## What is expected
Give back only the lines in the records below from the one with "# Site, building, storey" to the one with "ifc_layer_2 = layer(ifc_material_2, 0.2)", both inclusive, word for word.

===

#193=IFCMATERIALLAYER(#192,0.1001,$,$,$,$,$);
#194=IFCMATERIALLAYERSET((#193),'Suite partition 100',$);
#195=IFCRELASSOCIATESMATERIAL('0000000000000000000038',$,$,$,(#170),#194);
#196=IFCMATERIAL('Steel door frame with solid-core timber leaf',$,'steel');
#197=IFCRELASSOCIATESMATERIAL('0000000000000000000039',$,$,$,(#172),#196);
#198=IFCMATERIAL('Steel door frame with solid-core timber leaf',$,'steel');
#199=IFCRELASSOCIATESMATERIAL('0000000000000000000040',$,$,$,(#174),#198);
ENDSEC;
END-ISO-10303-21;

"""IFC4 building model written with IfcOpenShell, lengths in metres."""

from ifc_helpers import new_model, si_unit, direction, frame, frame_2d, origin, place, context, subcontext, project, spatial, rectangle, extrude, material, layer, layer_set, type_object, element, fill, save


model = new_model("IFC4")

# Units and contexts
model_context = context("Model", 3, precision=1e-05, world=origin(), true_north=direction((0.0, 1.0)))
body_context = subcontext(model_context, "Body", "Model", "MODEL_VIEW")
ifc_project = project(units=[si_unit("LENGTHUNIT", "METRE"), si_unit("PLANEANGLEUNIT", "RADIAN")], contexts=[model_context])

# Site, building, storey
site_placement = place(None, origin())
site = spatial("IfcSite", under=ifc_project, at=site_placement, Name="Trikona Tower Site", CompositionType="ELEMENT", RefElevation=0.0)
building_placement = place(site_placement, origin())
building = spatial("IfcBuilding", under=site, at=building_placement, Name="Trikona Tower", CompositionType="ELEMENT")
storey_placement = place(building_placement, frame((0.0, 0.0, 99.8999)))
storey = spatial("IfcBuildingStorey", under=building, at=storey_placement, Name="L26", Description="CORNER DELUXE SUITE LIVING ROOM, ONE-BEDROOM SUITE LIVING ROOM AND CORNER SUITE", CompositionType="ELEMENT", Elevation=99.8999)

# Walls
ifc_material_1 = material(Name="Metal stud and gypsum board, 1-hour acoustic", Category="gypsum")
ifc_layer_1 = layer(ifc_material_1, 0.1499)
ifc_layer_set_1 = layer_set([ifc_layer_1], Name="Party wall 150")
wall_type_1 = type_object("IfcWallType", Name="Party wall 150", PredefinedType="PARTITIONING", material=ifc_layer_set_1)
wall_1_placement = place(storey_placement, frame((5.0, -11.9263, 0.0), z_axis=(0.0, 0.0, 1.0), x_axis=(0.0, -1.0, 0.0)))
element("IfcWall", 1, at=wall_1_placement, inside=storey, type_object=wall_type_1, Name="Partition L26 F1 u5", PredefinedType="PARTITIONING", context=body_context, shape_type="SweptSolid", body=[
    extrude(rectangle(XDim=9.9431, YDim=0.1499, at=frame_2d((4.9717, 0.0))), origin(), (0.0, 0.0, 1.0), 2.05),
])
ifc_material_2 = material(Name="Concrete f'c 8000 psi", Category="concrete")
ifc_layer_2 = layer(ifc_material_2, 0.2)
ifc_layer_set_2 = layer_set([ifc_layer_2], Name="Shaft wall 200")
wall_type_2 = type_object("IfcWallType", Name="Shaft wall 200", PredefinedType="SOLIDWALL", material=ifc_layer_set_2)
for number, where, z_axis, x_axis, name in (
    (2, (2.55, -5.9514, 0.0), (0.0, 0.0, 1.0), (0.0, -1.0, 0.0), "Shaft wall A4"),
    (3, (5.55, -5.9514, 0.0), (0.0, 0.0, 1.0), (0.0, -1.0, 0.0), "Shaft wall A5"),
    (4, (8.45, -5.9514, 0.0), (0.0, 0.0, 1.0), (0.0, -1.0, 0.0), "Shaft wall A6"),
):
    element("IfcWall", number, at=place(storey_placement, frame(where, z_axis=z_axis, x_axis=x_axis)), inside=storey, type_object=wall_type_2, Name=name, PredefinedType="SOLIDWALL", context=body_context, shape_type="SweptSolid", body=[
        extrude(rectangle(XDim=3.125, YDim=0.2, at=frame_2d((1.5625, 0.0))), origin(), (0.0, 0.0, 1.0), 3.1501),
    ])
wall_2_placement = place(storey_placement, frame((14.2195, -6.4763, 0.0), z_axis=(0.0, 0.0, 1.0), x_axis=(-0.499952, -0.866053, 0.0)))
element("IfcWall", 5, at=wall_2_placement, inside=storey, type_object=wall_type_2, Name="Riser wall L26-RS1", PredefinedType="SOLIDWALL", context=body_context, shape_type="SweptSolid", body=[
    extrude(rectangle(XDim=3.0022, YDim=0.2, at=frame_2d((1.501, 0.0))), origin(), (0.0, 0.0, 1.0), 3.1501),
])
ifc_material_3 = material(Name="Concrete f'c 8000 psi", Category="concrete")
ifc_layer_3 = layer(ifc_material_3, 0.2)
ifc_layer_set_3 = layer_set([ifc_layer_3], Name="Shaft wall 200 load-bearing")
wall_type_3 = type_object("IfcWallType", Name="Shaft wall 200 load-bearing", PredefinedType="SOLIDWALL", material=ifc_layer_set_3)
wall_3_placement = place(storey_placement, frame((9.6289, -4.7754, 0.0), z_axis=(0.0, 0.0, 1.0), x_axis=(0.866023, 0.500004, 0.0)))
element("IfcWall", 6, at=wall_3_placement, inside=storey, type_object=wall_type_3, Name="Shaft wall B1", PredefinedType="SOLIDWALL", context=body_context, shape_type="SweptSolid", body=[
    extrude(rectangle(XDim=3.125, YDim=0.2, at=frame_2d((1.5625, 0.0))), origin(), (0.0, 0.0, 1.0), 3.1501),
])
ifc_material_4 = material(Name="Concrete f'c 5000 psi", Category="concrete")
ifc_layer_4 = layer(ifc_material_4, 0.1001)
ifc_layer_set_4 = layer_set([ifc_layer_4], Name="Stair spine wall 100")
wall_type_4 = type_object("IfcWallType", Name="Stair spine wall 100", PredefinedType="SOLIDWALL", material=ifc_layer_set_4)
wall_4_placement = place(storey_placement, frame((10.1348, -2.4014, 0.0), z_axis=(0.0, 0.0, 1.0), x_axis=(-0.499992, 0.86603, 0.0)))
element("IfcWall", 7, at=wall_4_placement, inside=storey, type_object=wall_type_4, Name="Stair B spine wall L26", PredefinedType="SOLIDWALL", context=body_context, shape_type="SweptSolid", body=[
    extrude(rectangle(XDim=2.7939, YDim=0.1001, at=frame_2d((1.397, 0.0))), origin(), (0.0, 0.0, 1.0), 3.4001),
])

===

## Response box
# Site, building, storey
site_placement = place(None, origin())
site = spatial("IfcSite", under=ifc_project, at=site_placement, Name="Trikona Tower Site", CompositionType="ELEMENT", RefElevation=0.0)
building_placement = place(site_placement, origin())
building = spatial("IfcBuilding", under=site, at=building_placement, Name="Trikona Tower", CompositionType="ELEMENT")
storey_placement = place(building_placement, frame((0.0, 0.0, 99.8999)))
storey = spatial("IfcBuildingStorey", under=building, at=storey_placement, Name="L26", Description="CORNER DELUXE SUITE LIVING ROOM, ONE-BEDROOM SUITE LIVING ROOM AND CORNER SUITE", CompositionType="ELEMENT", Elevation=99.8999)

# Walls
ifc_material_1 = material(Name="Metal stud and gypsum board, 1-hour acoustic", Category="gypsum")
ifc_layer_1 = layer(ifc_material_1, 0.1499)
ifc_layer_set_1 = layer_set([ifc_layer_1], Name="Party wall 150")
wall_type_1 = type_object("IfcWallType", Name="Party wall 150", PredefinedType="PARTITIONING", material=ifc_layer_set_1)
wall_1_placement = place(storey_placement, frame((5.0, -11.9263, 0.0), z_axis=(0.0, 0.0, 1.0), x_axis=(0.0, -1.0, 0.0)))
element("IfcWall", 1, at=wall_1_placement, inside=storey, type_object=wall_type_1, Name="Partition L26 F1 u5", PredefinedType="PARTITIONING", context=body_context, shape_type="SweptSolid", body=[
    extrude(rectangle(XDim=9.9431, YDim=0.1499, at=frame_2d((4.9717, 0.0))), origin(), (0.0, 0.0, 1.0), 2.05),
])
ifc_material_2 = material(Name="Concrete f'c 8000 psi", Category="concrete")
ifc_layer_2 = layer(ifc_material_2, 0.2)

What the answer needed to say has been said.